** Opening Input block **

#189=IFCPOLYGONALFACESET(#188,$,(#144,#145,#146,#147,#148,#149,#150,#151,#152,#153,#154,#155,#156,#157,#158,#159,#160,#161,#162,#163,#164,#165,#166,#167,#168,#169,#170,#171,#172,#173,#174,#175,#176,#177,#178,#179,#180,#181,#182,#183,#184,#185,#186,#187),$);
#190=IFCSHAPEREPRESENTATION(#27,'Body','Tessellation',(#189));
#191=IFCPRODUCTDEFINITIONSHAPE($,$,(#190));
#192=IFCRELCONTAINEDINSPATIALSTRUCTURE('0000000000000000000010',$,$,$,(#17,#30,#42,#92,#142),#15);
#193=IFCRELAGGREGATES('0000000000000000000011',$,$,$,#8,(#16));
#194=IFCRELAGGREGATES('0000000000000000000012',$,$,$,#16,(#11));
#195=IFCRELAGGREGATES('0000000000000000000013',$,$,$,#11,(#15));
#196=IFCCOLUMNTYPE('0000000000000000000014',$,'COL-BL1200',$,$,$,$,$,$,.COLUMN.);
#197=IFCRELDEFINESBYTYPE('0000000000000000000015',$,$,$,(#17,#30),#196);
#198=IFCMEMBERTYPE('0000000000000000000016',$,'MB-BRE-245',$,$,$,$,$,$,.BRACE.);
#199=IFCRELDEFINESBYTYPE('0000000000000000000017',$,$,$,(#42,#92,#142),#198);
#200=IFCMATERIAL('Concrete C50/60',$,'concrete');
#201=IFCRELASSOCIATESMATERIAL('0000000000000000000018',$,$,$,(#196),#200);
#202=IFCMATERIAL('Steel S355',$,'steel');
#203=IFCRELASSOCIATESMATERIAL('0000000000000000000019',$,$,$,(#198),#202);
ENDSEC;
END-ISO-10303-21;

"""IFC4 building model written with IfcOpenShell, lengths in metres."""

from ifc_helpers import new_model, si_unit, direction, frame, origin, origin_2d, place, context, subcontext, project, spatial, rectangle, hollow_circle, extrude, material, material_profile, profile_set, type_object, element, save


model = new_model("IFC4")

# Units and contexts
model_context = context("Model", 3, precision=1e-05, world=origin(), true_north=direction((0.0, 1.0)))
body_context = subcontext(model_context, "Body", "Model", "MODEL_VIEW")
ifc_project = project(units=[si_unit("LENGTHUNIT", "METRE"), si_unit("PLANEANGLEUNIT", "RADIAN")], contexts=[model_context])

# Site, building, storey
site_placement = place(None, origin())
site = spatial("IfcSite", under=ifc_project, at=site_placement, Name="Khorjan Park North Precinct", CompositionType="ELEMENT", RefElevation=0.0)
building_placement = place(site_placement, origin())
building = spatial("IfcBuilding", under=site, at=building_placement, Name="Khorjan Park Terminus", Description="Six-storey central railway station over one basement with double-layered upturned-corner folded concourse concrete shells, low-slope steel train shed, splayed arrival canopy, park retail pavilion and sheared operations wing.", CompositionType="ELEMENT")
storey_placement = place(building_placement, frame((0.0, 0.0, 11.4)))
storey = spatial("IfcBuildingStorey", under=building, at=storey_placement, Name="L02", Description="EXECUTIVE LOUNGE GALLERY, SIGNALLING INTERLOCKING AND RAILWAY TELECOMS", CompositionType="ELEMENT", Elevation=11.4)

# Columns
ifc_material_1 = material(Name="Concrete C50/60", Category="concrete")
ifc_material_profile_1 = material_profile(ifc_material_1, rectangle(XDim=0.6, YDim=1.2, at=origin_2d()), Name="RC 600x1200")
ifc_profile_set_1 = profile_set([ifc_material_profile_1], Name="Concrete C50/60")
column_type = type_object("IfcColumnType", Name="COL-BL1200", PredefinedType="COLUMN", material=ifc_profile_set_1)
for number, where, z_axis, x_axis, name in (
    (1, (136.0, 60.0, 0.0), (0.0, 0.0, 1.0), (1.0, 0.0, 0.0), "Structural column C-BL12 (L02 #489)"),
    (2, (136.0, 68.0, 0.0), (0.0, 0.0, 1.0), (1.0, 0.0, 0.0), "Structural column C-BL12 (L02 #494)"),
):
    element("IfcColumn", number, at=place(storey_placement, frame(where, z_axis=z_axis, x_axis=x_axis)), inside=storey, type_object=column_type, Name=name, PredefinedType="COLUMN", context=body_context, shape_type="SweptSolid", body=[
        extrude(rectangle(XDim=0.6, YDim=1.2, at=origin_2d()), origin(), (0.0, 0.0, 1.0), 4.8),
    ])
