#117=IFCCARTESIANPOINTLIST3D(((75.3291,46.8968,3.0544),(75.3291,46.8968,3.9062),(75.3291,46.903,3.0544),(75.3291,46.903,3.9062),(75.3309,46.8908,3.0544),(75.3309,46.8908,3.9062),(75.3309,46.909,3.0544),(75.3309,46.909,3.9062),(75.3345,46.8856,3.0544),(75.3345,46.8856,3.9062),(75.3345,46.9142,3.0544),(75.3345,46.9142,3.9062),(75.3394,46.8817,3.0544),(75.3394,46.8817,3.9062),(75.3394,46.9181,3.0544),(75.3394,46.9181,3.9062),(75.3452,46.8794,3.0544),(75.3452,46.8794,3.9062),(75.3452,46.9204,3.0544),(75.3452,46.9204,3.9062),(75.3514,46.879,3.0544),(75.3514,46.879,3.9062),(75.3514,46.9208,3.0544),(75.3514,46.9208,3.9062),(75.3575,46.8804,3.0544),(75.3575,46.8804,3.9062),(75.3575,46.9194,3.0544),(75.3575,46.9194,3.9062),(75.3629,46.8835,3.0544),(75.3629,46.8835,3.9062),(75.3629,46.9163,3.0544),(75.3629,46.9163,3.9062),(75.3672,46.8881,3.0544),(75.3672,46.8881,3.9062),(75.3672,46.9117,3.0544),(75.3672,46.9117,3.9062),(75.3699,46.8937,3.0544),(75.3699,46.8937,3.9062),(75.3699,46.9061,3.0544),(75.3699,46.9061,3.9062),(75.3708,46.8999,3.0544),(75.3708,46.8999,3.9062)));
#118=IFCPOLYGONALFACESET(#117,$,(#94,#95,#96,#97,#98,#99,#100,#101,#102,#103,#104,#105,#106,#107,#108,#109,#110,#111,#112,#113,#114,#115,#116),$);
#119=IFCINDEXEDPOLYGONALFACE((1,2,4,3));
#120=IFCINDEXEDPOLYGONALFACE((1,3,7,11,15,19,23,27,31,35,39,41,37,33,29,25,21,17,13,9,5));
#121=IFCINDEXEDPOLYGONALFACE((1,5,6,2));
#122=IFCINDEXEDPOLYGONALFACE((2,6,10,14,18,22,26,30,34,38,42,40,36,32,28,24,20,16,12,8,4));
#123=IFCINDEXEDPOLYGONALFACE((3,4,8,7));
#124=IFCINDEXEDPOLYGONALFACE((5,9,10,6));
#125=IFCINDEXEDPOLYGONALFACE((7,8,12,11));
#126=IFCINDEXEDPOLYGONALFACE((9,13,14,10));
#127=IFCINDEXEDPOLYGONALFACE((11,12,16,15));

** Closing Input block **

**Aim of the task:**
Exactly as they appear above, output the lines of the data from the first through the one that contains "#202=IFCMATERIAL('Steel S355',$,'steel');", and only those lines.

**Task result:**
#189=IFCPOLYGONALFACESET(#188,$,(#144,#145,#146,#147,#148,#149,#150,#151,#152,#153,#154,#155,#156,#157,#158,#159,#160,#161,#162,#163,#164,#165,#166,#167,#168,#169,#170,#171,#172,#173,#174,#175,#176,#177,#178,#179,#180,#181,#182,#183,#184,#185,#186,#187),$);
#190=IFCSHAPEREPRESENTATION(#27,'Body','Tessellation',(#189));
#191=IFCPRODUCTDEFINITIONSHAPE($,$,(#190));
#192=IFCRELCONTAINEDINSPATIALSTRUCTURE('0000000000000000000010',$,$,$,(#17,#30,#42,#92,#142),#15);
#193=IFCRELAGGREGATES('0000000000000000000011',$,$,$,#8,(#16));
#194=IFCRELAGGREGATES('0000000000000000000012',$,$,$,#16,(#11));
#195=IFCRELAGGREGATES('0000000000000000000013',$,$,$,#11,(#15));
#196=IFCCOLUMNTYPE('0000000000000000000014',$,'COL-BL1200',$,$,$,$,$,$,.COLUMN.);
#197=IFCRELDEFINESBYTYPE('0000000000000000000015',$,$,$,(#17,#30),#196);
#198=IFCMEMBERTYPE('0000000000000000000016',$,'MB-BRE-245',$,$,$,$,$,$,.BRACE.);
#199=IFCRELDEFINESBYTYPE('0000000000000000000017',$,$,$,(#42,#92,#142),#198);
#200=IFCMATERIAL('Concrete C50/60',$,'concrete');
#201=IFCRELASSOCIATESMATERIAL('0000000000000000000018',$,$,$,(#196),#200);
#202=IFCMATERIAL('Steel S355',$,'steel');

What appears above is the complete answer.